[TASK TO COMPLETE]
Determine the count of lines in the following entries that contain the string "direction". Write only the number.

[MATERIAL FOR THE TASK]
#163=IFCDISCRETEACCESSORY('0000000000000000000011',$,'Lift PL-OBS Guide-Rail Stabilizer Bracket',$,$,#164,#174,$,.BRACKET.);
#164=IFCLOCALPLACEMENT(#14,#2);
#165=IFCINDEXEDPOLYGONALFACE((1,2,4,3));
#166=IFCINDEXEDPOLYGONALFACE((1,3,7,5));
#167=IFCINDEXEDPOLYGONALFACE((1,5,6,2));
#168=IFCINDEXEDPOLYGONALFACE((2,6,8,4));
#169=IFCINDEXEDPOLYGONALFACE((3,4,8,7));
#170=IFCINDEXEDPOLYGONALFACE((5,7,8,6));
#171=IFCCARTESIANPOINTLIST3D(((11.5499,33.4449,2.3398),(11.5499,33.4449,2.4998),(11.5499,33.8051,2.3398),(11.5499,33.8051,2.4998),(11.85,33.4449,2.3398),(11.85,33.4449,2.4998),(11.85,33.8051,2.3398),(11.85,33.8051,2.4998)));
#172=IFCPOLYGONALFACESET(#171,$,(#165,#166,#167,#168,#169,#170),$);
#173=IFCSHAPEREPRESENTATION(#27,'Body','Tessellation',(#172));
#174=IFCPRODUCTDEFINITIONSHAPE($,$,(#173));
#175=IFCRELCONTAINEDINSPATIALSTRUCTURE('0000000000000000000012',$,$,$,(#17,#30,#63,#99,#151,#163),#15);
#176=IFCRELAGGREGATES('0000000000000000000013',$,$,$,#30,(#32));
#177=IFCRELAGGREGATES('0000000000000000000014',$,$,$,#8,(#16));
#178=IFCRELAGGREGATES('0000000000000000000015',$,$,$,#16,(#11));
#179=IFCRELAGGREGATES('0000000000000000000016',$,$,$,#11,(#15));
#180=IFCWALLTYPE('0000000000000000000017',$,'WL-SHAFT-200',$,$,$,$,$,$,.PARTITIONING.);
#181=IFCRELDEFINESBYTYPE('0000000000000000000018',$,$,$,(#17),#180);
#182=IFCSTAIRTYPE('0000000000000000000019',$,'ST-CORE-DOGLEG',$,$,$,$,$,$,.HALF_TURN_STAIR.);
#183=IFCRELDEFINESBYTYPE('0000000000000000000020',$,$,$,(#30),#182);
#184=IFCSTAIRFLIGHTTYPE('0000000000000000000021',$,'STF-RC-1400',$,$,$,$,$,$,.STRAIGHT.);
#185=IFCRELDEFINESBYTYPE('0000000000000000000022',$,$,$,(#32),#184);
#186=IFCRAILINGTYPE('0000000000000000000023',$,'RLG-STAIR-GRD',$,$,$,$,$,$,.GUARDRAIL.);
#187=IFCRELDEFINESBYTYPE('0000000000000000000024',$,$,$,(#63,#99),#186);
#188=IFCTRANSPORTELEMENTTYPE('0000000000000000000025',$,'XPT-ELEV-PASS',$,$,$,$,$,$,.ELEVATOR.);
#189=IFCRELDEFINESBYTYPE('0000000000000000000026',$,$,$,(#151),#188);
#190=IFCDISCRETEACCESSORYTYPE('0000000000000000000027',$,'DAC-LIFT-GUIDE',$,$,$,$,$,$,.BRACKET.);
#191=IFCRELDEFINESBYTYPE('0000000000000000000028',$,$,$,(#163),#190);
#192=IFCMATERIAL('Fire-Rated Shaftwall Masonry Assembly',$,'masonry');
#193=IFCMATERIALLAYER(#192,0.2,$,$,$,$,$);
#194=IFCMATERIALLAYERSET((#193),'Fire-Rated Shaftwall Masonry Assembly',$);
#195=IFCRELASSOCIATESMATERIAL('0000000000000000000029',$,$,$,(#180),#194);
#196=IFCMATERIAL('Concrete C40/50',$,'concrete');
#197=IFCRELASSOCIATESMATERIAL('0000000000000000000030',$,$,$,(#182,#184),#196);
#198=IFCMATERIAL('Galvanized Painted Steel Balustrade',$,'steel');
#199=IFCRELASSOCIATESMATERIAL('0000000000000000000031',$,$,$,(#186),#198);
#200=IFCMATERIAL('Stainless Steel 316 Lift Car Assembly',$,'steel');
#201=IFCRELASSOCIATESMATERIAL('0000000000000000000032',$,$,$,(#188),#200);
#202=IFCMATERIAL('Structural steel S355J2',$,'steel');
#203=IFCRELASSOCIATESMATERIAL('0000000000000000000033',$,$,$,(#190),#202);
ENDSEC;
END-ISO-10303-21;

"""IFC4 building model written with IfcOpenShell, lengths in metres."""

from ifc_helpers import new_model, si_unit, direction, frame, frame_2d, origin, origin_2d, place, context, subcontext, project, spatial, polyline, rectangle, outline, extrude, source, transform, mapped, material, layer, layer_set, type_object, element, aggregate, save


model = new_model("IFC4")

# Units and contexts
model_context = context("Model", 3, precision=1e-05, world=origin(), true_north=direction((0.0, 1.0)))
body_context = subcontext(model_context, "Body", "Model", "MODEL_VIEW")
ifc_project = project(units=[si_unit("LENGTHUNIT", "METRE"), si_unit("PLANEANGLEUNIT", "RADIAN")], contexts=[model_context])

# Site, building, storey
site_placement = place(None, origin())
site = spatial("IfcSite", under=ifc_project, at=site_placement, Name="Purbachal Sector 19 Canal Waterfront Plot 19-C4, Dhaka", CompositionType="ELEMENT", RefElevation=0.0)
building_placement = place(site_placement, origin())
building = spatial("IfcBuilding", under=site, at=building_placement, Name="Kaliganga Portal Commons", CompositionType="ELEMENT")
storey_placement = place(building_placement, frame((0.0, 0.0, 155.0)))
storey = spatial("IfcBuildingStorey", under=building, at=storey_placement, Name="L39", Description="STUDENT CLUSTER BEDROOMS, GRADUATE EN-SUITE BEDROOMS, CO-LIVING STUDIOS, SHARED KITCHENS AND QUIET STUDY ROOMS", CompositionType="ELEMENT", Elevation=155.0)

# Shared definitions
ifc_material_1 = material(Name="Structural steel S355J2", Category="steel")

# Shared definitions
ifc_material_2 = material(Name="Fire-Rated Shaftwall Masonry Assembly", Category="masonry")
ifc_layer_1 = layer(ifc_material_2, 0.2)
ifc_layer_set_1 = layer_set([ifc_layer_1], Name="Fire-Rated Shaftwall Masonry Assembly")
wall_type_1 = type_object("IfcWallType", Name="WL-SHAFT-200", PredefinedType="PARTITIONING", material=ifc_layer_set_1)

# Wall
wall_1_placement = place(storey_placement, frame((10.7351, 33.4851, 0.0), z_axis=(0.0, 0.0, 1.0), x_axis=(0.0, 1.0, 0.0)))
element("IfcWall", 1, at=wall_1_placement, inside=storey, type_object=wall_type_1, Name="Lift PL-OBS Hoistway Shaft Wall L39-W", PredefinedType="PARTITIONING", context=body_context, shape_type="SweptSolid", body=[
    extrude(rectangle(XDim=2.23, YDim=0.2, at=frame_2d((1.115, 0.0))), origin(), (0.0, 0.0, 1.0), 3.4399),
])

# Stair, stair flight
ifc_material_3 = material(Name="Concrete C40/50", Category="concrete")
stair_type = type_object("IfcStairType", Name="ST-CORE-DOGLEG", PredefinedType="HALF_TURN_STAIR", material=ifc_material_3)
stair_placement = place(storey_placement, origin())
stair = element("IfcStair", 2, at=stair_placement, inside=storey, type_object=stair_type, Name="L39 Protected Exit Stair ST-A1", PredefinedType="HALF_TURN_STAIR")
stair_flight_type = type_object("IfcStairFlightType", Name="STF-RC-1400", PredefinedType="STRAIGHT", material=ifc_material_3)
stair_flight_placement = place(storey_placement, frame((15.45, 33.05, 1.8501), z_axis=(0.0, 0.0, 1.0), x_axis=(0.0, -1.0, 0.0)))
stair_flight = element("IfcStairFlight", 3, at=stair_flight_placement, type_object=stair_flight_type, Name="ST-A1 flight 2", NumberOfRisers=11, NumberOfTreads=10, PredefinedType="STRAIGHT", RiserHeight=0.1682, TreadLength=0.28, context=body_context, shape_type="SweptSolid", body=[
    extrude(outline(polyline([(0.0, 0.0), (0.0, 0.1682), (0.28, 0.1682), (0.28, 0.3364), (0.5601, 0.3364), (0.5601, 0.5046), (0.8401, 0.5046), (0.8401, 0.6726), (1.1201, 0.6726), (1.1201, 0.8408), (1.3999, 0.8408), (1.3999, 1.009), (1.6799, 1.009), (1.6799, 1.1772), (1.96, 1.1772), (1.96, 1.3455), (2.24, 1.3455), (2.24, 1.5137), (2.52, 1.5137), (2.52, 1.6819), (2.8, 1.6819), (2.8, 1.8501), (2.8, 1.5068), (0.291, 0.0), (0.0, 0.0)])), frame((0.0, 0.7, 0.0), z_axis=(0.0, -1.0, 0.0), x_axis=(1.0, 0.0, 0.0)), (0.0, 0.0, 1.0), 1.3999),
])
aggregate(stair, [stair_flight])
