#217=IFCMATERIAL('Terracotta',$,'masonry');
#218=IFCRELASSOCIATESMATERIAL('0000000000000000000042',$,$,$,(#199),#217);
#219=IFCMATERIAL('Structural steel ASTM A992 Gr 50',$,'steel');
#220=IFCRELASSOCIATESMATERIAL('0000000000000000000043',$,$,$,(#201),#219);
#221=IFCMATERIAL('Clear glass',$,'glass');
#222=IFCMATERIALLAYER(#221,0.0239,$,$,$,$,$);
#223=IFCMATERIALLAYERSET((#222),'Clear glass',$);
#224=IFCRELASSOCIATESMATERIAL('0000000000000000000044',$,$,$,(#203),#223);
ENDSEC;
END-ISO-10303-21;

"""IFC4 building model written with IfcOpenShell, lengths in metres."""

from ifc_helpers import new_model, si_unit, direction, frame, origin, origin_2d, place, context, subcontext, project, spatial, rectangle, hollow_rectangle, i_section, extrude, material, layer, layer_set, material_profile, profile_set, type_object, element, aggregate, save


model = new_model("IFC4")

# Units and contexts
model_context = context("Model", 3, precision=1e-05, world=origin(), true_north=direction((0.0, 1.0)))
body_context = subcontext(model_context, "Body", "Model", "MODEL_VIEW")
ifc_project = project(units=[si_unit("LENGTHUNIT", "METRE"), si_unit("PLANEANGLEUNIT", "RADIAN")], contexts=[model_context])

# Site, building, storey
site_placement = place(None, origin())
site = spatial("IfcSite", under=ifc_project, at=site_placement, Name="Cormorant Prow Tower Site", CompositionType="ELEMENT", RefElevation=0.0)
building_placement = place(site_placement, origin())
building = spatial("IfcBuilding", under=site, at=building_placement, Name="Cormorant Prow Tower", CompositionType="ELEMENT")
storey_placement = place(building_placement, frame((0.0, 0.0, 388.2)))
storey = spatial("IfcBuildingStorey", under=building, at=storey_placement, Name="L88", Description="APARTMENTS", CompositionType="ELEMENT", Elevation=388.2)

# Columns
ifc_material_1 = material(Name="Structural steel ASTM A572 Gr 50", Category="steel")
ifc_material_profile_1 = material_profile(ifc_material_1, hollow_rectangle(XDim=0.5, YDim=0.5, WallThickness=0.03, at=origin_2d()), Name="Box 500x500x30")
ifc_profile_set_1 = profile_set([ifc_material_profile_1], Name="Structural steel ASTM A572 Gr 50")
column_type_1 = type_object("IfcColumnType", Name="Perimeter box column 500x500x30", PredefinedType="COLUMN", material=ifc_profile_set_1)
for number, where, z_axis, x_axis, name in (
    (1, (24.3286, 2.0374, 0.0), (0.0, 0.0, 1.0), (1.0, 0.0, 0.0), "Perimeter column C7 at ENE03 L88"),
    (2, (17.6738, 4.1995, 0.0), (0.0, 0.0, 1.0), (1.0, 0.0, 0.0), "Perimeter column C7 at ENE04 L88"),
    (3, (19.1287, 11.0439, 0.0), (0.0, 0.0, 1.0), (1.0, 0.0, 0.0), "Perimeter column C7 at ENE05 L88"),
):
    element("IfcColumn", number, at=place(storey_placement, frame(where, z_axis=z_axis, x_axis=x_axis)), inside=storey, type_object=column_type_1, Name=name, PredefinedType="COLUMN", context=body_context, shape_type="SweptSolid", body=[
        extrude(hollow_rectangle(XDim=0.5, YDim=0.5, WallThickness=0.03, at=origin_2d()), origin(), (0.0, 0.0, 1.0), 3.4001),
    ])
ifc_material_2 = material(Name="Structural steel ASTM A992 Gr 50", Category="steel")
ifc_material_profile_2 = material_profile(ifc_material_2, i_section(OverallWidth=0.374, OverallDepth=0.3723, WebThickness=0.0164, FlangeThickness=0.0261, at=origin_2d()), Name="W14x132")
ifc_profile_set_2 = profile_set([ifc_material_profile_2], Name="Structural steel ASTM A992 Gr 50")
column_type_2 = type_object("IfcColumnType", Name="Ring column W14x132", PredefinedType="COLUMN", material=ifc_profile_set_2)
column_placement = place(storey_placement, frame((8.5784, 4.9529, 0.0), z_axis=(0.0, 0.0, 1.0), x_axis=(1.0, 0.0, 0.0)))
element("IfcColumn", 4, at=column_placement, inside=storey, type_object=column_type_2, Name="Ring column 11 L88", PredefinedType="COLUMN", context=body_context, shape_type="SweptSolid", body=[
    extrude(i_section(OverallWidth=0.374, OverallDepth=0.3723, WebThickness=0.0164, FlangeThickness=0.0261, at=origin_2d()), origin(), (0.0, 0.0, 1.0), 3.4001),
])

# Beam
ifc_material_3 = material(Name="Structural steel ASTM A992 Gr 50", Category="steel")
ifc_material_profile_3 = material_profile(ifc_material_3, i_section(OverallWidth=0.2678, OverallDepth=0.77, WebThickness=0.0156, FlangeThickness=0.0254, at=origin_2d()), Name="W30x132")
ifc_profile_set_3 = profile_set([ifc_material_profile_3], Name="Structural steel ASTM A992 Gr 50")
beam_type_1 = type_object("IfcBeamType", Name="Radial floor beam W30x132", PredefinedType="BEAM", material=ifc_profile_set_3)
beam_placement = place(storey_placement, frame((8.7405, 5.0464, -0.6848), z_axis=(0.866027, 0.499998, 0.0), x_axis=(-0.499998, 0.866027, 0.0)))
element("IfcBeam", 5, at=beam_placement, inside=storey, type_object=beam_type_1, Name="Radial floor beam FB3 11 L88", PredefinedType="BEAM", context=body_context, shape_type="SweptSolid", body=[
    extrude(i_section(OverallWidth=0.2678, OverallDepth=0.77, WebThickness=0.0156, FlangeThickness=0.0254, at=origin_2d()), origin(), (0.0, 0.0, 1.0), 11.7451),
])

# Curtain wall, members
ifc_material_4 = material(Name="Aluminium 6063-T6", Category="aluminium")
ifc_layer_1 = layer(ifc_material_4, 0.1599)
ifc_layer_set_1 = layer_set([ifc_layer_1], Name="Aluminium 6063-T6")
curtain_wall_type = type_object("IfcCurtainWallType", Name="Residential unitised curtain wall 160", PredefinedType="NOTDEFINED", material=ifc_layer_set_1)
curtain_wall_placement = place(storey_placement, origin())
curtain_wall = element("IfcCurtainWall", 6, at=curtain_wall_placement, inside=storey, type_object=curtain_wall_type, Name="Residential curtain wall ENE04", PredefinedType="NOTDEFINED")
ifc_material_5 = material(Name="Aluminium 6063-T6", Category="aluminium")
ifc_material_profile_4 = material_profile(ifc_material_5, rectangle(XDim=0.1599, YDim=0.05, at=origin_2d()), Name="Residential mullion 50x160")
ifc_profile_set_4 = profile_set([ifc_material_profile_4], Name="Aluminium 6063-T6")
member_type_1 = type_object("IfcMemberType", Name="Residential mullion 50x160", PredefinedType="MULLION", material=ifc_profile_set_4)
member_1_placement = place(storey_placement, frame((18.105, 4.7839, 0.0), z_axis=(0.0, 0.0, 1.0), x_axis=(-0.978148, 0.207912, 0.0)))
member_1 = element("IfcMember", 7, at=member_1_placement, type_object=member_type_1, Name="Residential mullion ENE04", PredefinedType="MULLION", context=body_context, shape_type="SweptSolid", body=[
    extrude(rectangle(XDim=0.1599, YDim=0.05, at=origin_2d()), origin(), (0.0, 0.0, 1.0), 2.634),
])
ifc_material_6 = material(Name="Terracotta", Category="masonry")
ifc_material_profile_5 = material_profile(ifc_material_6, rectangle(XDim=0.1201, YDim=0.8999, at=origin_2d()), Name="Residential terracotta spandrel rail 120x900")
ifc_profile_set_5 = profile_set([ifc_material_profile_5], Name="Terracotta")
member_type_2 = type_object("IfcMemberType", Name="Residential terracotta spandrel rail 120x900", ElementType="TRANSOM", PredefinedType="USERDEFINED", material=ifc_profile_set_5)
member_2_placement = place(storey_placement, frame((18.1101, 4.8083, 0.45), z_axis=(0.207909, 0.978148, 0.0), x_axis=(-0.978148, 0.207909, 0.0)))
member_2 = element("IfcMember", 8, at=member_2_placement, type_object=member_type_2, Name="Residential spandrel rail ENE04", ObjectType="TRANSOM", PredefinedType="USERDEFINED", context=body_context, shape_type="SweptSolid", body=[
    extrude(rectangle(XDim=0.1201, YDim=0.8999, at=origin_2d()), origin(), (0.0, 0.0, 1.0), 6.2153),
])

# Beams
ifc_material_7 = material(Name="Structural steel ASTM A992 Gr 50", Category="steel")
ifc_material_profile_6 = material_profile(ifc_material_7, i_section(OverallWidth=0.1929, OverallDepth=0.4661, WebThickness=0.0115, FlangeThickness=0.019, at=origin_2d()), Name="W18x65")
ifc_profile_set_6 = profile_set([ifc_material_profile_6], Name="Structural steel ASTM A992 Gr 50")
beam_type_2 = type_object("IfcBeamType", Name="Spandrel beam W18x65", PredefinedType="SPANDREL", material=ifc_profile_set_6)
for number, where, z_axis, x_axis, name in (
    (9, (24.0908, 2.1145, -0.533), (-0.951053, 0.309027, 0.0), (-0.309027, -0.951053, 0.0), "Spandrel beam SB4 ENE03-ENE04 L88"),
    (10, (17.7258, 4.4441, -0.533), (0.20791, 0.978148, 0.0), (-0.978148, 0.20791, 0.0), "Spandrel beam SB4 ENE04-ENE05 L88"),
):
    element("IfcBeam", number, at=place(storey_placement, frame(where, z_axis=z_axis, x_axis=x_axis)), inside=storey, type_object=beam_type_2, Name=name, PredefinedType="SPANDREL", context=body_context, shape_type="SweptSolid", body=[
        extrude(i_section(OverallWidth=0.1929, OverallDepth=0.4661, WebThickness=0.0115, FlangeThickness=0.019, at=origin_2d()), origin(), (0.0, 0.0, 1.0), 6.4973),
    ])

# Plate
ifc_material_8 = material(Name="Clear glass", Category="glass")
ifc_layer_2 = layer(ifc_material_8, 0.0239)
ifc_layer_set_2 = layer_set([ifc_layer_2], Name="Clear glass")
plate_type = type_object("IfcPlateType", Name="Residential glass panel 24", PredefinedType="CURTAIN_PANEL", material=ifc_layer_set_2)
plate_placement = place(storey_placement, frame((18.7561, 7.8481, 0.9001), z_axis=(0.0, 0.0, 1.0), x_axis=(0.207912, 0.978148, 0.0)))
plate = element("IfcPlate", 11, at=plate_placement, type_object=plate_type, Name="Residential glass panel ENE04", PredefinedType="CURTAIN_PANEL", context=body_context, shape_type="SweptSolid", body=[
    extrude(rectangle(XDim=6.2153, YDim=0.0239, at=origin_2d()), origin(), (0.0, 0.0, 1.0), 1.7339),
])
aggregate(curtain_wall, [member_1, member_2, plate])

[SOLUTION TO THIS EXERCISE]
4